Find the string "IFCLOCALPLACEMENT" in the entries and copy each line that has it.

══ GIVEN INFORMATION ══

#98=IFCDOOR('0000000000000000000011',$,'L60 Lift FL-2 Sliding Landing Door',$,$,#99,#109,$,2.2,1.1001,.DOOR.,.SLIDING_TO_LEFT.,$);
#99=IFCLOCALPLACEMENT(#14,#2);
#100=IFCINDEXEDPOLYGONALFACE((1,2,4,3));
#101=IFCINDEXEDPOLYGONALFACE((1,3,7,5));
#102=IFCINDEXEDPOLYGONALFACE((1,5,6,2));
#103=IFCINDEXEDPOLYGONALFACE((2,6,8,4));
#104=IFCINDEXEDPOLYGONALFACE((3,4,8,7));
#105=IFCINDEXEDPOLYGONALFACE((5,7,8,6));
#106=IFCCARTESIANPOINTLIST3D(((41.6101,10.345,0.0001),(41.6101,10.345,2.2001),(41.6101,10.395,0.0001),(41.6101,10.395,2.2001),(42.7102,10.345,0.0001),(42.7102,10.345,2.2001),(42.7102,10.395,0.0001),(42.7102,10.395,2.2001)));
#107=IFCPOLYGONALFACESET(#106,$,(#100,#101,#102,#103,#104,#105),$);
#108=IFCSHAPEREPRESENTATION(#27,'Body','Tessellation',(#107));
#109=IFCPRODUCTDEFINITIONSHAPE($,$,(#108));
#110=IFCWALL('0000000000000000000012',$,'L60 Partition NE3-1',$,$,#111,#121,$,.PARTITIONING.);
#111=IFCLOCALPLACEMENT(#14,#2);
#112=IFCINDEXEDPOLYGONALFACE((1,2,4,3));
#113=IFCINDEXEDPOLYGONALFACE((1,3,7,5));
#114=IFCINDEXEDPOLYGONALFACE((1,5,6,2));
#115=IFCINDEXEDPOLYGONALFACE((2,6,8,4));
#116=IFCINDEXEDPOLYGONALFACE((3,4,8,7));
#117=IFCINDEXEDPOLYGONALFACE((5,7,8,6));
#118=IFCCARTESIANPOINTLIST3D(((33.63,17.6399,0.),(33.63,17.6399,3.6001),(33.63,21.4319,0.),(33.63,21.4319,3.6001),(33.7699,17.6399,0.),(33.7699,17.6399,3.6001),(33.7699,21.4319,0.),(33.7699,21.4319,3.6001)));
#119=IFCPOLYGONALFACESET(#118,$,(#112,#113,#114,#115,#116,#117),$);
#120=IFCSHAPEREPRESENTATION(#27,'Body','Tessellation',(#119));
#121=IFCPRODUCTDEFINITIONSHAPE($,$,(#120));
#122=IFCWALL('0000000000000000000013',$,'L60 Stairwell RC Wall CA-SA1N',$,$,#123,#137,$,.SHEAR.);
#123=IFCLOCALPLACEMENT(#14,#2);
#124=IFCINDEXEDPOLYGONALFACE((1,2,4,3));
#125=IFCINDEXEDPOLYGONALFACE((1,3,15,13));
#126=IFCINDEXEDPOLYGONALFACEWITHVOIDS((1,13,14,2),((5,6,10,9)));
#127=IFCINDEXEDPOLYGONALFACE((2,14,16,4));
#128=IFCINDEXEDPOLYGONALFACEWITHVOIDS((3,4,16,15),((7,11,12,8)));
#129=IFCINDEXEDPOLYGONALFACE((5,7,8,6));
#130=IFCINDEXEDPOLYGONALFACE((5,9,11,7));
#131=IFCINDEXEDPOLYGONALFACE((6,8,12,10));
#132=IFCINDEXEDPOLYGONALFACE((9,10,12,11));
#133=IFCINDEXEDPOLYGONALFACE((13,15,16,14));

═══

> **PROBLEM SOLUTION**
#99=IFCLOCALPLACEMENT(#14,#2);
#111=IFCLOCALPLACEMENT(#14,#2);
#123=IFCLOCALPLACEMENT(#14,#2);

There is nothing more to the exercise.